** Input data follows **

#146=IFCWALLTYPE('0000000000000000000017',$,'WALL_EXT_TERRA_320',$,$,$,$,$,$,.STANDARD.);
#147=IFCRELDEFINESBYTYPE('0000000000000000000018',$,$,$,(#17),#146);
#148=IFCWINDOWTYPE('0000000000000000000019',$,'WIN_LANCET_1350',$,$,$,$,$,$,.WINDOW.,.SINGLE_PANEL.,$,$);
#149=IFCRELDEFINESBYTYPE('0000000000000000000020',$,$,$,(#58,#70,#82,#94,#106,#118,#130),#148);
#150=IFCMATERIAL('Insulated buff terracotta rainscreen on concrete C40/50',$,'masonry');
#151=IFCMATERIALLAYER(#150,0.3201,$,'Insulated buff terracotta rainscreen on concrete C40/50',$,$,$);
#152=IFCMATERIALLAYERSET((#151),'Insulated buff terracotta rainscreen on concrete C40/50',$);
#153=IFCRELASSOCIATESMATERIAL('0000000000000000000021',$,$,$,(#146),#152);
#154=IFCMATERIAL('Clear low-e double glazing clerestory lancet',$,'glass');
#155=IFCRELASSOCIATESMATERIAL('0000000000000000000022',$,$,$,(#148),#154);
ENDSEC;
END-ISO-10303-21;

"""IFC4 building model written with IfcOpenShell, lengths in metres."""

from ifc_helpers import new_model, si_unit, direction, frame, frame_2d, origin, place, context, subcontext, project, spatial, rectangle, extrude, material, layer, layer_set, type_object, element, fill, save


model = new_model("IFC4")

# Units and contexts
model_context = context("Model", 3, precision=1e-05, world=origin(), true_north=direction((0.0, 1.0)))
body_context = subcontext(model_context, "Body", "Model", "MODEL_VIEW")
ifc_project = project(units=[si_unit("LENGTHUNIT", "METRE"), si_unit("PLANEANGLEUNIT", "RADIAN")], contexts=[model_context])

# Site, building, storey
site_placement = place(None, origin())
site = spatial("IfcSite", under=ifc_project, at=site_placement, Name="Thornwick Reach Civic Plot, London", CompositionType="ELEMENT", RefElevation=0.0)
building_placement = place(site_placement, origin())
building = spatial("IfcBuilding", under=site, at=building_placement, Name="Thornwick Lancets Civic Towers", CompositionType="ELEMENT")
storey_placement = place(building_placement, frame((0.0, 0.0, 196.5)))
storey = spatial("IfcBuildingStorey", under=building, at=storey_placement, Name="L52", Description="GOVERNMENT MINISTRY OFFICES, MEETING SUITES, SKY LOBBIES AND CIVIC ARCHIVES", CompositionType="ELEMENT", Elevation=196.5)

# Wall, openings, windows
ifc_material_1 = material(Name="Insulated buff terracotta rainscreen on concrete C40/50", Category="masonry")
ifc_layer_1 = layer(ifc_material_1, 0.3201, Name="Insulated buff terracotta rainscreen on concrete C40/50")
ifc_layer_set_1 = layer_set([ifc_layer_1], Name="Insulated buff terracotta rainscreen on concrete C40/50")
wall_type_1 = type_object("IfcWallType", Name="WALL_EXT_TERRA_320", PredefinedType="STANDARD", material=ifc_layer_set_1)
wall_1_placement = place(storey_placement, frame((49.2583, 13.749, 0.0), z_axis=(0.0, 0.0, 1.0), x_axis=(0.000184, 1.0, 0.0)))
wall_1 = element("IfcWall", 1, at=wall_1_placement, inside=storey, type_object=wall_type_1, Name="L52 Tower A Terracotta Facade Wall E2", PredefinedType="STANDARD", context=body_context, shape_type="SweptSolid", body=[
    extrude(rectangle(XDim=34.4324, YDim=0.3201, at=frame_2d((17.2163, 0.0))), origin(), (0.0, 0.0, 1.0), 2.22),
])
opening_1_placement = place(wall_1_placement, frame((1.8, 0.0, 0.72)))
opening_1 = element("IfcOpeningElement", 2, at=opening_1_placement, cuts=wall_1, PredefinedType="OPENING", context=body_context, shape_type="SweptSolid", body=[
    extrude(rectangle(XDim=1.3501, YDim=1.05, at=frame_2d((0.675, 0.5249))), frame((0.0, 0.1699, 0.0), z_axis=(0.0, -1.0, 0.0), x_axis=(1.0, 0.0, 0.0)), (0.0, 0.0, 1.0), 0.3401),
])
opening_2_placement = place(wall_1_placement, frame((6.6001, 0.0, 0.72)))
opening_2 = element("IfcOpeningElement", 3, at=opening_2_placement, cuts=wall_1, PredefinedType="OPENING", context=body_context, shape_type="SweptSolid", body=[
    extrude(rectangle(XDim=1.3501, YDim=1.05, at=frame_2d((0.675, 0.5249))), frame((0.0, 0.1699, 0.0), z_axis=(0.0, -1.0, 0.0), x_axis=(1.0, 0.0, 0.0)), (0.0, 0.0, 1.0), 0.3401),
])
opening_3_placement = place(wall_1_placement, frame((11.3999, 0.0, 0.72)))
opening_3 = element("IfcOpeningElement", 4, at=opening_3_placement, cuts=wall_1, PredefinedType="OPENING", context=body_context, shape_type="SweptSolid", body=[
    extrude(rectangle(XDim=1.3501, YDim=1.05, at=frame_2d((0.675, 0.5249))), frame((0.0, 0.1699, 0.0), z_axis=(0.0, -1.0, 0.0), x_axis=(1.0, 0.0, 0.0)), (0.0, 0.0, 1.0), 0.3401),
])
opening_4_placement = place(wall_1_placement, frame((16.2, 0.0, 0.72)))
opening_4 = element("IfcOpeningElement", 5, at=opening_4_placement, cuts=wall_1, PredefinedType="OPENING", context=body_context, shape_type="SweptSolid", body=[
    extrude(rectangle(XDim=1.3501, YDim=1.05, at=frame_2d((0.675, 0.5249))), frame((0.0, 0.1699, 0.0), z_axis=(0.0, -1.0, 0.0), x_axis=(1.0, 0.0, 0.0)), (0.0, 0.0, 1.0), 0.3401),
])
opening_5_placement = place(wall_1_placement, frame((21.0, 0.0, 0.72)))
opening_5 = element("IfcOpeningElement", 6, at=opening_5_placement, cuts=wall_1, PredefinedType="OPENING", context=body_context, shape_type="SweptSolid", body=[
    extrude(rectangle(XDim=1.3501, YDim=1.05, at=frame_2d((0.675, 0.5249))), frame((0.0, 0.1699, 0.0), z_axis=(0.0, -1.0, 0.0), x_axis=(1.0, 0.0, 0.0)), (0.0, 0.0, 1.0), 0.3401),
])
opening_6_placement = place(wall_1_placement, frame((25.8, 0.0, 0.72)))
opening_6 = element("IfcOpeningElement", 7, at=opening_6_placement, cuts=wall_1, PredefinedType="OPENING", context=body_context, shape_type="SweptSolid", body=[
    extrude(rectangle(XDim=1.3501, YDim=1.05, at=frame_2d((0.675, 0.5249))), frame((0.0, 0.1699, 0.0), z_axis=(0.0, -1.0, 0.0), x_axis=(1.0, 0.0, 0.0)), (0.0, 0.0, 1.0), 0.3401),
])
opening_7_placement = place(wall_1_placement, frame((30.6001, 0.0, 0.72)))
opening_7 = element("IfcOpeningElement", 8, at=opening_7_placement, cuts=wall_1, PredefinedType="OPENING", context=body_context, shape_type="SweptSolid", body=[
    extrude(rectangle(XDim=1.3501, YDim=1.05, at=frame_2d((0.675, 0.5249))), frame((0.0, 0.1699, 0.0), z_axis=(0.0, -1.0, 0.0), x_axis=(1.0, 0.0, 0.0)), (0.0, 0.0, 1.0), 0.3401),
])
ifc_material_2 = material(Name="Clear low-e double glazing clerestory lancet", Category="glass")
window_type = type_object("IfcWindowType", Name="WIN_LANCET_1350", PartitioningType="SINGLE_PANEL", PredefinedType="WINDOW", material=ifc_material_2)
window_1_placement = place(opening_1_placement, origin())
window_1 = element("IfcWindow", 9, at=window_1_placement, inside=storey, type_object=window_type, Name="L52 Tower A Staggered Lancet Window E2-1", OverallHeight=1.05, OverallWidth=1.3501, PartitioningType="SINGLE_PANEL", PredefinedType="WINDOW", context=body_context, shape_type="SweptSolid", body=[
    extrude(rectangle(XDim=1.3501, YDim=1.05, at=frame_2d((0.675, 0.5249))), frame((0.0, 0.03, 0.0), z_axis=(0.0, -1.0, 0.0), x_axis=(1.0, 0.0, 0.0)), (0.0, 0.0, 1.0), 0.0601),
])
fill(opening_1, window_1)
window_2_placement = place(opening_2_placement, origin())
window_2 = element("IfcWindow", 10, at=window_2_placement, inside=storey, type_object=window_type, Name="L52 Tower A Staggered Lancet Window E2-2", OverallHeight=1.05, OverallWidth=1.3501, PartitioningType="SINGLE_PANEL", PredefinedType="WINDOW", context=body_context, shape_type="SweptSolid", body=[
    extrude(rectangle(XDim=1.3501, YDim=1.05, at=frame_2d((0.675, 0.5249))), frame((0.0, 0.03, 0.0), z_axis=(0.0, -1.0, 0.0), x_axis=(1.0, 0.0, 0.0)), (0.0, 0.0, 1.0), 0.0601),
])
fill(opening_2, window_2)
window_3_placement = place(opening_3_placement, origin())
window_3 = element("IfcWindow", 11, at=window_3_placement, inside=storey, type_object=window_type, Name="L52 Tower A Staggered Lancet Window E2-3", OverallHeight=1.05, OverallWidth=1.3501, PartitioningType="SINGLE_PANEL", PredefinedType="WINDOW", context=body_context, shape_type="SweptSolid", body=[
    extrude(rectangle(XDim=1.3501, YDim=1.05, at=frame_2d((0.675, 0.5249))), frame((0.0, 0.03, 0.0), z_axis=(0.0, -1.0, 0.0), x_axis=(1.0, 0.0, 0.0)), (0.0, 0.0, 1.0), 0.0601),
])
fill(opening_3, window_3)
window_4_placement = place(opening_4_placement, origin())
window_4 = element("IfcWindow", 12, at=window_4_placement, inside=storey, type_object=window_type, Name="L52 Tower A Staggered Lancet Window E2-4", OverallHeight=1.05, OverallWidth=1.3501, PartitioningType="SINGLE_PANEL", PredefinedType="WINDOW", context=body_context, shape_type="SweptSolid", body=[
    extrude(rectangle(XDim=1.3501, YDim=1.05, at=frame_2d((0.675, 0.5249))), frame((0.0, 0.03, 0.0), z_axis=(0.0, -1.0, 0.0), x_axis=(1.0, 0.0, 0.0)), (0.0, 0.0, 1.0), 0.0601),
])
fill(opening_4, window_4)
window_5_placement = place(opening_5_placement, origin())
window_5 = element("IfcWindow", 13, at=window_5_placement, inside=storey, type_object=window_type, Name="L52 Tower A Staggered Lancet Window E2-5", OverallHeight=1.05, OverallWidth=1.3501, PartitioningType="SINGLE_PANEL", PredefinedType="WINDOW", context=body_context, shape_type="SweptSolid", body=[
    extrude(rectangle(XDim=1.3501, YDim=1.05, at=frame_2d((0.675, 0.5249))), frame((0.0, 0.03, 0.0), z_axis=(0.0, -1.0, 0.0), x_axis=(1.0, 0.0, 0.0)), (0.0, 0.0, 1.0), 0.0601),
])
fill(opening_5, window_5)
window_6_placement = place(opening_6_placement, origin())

** End of Input data **

Where in the entries above does the word "buff" appear? Copy each line that has it.

#150=IFCMATERIAL('Insulated buff terracotta rainscreen on concrete C40/50',$,'masonry');
#151=IFCMATERIALLAYER(#150,0.3201,$,'Insulated buff terracotta rainscreen on concrete C40/50',$,$,$);
#152=IFCMATERIALLAYERSET((#151),'Insulated buff terracotta rainscreen on concrete C40/50',$);
ifc_material_1 = material(Name="Insulated buff terracotta rainscreen on concrete C40/50", Category="masonry")
ifc_layer_1 = layer(ifc_material_1, 0.3201, Name="Insulated buff terracotta rainscreen on concrete C40/50")
ifc_layer_set_1 = layer_set([ifc_layer_1], Name="Insulated buff terracotta rainscreen on concrete C40/50")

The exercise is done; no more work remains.